*Your objective*.
Once the line with "#171=IFCMATERIALLAYER(#170,0.125,$,$,$,$,$);" is found, return it along with every line after it, exactly, through the end of the material.

*Data for review*.

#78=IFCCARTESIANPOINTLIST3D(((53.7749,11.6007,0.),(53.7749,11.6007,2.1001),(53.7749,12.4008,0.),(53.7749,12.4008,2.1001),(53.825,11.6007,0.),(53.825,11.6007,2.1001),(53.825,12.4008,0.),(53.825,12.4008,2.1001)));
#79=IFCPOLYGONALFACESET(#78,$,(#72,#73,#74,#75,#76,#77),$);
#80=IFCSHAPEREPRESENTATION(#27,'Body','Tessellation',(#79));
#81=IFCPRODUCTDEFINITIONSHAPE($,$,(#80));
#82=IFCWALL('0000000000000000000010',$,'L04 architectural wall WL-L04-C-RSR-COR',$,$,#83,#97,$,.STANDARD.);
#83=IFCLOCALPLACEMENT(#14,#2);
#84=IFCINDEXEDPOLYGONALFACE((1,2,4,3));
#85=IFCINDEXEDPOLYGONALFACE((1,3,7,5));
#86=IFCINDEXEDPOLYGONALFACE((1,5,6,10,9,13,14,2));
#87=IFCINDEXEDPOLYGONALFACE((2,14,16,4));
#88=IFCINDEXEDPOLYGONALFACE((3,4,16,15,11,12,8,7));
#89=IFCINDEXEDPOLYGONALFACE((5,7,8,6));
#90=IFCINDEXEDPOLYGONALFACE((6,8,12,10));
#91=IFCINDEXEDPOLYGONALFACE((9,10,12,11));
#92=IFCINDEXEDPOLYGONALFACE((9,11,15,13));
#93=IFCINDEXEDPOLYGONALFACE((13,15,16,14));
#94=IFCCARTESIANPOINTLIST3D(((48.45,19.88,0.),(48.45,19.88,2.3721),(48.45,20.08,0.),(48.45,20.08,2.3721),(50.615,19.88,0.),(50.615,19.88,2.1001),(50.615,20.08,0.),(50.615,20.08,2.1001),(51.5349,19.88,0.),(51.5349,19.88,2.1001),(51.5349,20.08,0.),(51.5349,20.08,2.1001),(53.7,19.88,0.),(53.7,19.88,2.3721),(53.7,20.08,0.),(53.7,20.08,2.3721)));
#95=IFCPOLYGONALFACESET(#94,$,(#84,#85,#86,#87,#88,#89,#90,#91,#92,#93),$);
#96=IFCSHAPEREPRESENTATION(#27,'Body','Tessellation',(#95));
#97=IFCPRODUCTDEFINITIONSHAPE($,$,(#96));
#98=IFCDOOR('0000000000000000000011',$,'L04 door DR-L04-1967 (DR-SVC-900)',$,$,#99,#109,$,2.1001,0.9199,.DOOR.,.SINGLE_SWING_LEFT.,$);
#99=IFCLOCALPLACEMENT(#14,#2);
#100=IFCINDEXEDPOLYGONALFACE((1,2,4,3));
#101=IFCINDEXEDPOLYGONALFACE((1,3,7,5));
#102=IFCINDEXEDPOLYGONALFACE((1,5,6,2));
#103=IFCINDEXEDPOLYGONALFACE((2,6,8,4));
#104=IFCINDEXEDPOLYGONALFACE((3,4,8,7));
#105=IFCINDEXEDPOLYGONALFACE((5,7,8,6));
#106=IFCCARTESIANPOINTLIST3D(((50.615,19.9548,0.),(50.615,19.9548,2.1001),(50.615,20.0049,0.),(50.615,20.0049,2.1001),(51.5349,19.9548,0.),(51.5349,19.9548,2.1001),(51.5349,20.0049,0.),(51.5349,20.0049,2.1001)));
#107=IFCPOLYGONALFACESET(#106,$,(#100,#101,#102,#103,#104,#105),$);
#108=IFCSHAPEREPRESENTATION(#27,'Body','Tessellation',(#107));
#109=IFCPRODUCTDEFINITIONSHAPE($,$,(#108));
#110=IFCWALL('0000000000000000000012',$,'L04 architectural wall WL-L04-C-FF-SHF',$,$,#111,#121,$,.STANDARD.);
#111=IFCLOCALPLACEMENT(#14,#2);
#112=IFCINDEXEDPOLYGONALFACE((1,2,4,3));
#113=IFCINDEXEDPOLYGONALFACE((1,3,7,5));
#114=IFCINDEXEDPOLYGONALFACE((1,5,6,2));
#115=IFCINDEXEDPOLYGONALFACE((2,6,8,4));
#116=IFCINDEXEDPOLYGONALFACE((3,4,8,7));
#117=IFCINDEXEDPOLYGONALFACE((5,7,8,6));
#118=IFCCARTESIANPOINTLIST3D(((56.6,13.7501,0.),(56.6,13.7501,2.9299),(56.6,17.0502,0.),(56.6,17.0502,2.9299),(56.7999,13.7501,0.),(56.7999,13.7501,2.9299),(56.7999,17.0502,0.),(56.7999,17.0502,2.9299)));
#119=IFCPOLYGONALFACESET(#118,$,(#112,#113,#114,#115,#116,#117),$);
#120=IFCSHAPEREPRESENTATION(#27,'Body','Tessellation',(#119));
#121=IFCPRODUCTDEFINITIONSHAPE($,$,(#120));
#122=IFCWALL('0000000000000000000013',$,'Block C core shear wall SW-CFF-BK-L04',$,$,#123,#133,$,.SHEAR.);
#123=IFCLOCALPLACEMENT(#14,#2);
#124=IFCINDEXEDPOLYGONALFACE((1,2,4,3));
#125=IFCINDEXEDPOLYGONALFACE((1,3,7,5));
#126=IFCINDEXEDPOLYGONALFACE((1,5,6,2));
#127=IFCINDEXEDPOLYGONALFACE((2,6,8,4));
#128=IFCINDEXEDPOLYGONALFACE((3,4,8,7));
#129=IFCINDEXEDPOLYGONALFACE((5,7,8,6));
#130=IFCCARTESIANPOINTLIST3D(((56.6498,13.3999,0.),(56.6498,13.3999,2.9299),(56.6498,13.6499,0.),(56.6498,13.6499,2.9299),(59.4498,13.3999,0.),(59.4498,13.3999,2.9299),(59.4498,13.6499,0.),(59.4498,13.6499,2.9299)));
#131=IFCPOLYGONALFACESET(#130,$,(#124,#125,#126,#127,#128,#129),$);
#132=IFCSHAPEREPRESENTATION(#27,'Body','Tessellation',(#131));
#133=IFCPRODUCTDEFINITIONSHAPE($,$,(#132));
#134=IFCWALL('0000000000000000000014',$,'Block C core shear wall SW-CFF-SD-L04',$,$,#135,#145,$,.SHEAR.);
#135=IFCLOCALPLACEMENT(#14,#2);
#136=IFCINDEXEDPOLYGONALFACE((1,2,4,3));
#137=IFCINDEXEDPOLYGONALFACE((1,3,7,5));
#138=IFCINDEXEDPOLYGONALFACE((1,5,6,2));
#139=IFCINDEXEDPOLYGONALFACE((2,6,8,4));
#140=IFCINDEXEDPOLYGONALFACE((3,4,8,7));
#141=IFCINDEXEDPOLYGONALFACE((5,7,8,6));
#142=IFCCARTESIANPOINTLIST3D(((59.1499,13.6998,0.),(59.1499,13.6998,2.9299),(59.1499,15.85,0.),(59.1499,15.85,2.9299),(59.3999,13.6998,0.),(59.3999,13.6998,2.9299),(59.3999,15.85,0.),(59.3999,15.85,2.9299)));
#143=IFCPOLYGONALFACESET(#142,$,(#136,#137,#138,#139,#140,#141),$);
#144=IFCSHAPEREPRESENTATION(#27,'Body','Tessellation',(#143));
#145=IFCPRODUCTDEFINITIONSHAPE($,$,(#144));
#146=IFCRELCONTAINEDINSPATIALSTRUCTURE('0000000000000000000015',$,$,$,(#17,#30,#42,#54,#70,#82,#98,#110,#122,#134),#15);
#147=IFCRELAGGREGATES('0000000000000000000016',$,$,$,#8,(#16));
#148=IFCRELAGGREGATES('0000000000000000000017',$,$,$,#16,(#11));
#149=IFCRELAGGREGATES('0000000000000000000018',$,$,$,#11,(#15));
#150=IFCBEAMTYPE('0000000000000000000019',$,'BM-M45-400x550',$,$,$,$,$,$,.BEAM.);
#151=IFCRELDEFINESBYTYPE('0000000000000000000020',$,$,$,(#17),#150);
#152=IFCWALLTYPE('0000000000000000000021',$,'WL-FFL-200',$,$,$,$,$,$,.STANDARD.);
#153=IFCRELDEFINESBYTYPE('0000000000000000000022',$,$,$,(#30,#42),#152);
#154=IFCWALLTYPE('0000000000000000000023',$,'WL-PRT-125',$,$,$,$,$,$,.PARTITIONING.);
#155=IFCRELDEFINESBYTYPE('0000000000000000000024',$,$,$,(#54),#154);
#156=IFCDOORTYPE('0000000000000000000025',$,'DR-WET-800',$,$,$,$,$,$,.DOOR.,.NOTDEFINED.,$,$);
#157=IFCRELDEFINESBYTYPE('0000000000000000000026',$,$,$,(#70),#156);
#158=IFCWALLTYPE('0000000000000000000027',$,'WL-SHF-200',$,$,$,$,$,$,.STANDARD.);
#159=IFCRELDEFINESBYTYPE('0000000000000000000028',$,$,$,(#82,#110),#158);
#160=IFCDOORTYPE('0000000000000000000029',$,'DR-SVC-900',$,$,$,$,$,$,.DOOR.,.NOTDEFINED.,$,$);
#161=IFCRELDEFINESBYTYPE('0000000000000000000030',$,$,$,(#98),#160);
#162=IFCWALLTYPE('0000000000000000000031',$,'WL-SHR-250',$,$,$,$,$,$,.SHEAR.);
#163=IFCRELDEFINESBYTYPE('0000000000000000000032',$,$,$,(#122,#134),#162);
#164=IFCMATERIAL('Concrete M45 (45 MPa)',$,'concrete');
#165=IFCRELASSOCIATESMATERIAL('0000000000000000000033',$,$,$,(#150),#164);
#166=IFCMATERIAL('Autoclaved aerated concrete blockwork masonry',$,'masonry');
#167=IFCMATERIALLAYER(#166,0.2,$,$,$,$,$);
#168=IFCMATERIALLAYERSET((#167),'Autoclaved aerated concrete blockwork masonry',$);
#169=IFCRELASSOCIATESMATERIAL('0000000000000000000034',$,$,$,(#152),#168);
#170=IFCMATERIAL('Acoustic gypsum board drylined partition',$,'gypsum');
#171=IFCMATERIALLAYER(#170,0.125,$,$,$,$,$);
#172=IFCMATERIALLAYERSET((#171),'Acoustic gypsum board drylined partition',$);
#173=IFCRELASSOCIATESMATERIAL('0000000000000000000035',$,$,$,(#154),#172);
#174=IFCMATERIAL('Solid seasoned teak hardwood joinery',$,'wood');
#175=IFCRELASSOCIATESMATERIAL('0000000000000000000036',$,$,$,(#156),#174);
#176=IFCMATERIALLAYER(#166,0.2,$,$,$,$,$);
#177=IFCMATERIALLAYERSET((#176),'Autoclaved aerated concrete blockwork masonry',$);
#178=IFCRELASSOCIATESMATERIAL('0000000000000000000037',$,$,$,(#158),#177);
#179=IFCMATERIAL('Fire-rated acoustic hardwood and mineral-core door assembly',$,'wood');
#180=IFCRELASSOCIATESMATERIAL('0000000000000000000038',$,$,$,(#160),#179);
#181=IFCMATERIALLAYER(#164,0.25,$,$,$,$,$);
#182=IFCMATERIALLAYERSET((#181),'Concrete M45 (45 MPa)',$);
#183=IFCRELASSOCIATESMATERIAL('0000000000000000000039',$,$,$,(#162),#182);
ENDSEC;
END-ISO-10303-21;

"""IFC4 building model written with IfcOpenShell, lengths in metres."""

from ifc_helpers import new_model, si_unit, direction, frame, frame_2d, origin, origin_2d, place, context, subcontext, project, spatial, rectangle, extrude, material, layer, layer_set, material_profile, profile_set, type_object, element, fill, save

*Written answer*.
#171=IFCMATERIALLAYER(#170,0.125,$,$,$,$,$);
#172=IFCMATERIALLAYERSET((#171),'Acoustic gypsum board drylined partition',$);
#173=IFCRELASSOCIATESMATERIAL('0000000000000000000035',$,$,$,(#154),#172);
#174=IFCMATERIAL('Solid seasoned teak hardwood joinery',$,'wood');
#175=IFCRELASSOCIATESMATERIAL('0000000000000000000036',$,$,$,(#156),#174);
#176=IFCMATERIALLAYER(#166,0.2,$,$,$,$,$);
#177=IFCMATERIALLAYERSET((#176),'Autoclaved aerated concrete blockwork masonry',$);
#178=IFCRELASSOCIATESMATERIAL('0000000000000000000037',$,$,$,(#158),#177);
#179=IFCMATERIAL('Fire-rated acoustic hardwood and mineral-core door assembly',$,'wood');
#180=IFCRELASSOCIATESMATERIAL('0000000000000000000038',$,$,$,(#160),#179);
#181=IFCMATERIALLAYER(#164,0.25,$,$,$,$,$);
#182=IFCMATERIALLAYERSET((#181),'Concrete M45 (45 MPa)',$);
#183=IFCRELASSOCIATESMATERIAL('0000000000000000000039',$,$,$,(#162),#182);
ENDSEC;
END-ISO-10303-21;

"""IFC4 building model written with IfcOpenShell, lengths in metres."""

from ifc_helpers import new_model, si_unit, direction, frame, frame_2d, origin, origin_2d, place, context, subcontext, project, spatial, rectangle, extrude, material, layer, layer_set, material_profile, profile_set, type_object, element, fill, save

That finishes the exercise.